START Provided data

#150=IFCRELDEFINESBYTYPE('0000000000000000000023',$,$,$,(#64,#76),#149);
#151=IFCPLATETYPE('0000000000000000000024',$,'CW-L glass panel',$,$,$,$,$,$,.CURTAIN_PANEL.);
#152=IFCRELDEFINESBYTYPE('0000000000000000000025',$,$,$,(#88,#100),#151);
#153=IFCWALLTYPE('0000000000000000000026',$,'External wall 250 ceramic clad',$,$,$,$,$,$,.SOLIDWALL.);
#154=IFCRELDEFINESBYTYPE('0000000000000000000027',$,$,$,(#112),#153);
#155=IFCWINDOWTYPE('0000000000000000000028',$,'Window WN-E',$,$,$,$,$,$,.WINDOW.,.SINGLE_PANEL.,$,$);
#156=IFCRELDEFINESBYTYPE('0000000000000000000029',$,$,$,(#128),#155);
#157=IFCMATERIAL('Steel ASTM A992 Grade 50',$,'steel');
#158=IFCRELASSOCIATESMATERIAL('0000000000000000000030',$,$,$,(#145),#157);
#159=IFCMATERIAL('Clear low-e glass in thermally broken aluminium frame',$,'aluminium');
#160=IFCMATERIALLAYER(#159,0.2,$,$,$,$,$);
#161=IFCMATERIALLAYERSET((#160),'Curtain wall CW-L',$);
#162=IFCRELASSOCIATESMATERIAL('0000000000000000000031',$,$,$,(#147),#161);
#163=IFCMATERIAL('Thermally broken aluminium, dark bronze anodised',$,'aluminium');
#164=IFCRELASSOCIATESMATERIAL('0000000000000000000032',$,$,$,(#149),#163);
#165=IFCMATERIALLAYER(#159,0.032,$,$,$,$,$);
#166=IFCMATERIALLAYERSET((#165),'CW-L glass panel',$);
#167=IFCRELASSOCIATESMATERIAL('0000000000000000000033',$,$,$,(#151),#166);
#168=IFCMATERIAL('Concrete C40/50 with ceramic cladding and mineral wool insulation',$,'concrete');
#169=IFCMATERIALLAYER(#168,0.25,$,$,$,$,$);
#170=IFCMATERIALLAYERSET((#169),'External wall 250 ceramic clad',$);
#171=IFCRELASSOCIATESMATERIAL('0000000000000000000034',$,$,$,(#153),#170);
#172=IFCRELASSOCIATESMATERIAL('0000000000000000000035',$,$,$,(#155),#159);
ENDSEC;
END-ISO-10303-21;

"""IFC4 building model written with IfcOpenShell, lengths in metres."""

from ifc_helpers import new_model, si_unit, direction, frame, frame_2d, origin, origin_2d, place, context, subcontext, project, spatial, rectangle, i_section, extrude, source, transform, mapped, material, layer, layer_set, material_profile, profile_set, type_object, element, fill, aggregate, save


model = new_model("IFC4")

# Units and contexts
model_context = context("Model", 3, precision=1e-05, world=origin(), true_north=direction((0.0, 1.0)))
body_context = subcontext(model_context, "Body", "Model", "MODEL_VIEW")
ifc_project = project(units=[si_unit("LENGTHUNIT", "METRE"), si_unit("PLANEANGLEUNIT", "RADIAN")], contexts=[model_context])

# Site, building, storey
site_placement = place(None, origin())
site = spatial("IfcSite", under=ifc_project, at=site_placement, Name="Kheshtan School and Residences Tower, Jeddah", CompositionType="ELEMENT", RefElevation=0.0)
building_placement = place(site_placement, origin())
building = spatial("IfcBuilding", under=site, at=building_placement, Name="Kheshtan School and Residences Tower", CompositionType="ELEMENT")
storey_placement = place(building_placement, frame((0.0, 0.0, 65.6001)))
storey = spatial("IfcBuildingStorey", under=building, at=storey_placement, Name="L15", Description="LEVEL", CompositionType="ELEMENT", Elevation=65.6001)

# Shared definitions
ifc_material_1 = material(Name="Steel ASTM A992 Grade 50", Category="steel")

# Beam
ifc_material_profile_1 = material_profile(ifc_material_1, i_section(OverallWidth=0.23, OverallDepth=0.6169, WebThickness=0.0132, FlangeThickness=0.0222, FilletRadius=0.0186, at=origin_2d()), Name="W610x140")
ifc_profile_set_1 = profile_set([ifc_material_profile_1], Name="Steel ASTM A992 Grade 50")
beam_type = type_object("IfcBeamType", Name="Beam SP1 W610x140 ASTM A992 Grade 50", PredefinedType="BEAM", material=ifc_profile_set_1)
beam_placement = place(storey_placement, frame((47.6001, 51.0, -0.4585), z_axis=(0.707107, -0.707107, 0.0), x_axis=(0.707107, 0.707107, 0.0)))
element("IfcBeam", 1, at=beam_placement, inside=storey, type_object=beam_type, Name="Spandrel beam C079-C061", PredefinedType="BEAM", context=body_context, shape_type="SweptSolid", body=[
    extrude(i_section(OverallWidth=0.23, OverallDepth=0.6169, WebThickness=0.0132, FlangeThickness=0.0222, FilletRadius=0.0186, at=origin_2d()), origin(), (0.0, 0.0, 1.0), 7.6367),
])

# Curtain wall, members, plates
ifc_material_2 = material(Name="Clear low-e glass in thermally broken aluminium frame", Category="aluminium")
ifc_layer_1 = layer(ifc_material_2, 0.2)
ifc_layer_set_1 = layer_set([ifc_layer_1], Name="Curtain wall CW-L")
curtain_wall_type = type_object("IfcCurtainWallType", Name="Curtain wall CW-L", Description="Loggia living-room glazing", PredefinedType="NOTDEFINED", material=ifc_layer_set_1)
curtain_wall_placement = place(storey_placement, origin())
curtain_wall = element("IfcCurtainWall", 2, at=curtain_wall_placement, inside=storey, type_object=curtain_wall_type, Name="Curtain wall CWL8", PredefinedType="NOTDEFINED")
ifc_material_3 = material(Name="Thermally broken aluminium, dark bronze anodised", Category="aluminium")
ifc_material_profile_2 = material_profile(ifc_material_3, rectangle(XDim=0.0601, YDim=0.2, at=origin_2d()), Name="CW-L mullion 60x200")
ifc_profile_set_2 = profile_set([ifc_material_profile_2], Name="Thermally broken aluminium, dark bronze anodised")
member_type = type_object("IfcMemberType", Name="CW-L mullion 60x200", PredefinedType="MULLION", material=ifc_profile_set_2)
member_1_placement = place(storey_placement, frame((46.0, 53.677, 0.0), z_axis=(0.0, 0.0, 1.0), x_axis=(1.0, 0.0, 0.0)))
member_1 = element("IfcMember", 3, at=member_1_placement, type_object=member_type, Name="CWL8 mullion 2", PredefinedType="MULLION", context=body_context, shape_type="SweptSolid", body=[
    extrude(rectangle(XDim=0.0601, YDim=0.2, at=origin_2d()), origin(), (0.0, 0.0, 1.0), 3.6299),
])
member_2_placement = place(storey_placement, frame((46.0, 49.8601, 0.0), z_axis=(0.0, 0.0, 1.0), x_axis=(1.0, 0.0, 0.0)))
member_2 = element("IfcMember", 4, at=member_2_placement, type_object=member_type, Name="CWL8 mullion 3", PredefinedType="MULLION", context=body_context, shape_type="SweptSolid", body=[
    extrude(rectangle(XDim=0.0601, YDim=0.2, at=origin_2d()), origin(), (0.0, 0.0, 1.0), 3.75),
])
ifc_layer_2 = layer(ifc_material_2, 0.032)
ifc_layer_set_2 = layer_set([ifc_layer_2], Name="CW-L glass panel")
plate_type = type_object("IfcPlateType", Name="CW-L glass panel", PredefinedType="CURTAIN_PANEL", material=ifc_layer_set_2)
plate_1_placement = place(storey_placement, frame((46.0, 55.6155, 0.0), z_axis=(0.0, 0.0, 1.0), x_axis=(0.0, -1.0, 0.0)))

END Provided data

| Assignment |
Wherever the string "Tower" occurs in the data, copy the line that holds it.

| Your response |
site = spatial("IfcSite", under=ifc_project, at=site_placement, Name="Kheshtan School and Residences Tower, Jeddah", CompositionType="ELEMENT", RefElevation=0.0)
building = spatial("IfcBuilding", under=site, at=building_placement, Name="Kheshtan School and Residences Tower", CompositionType="ELEMENT")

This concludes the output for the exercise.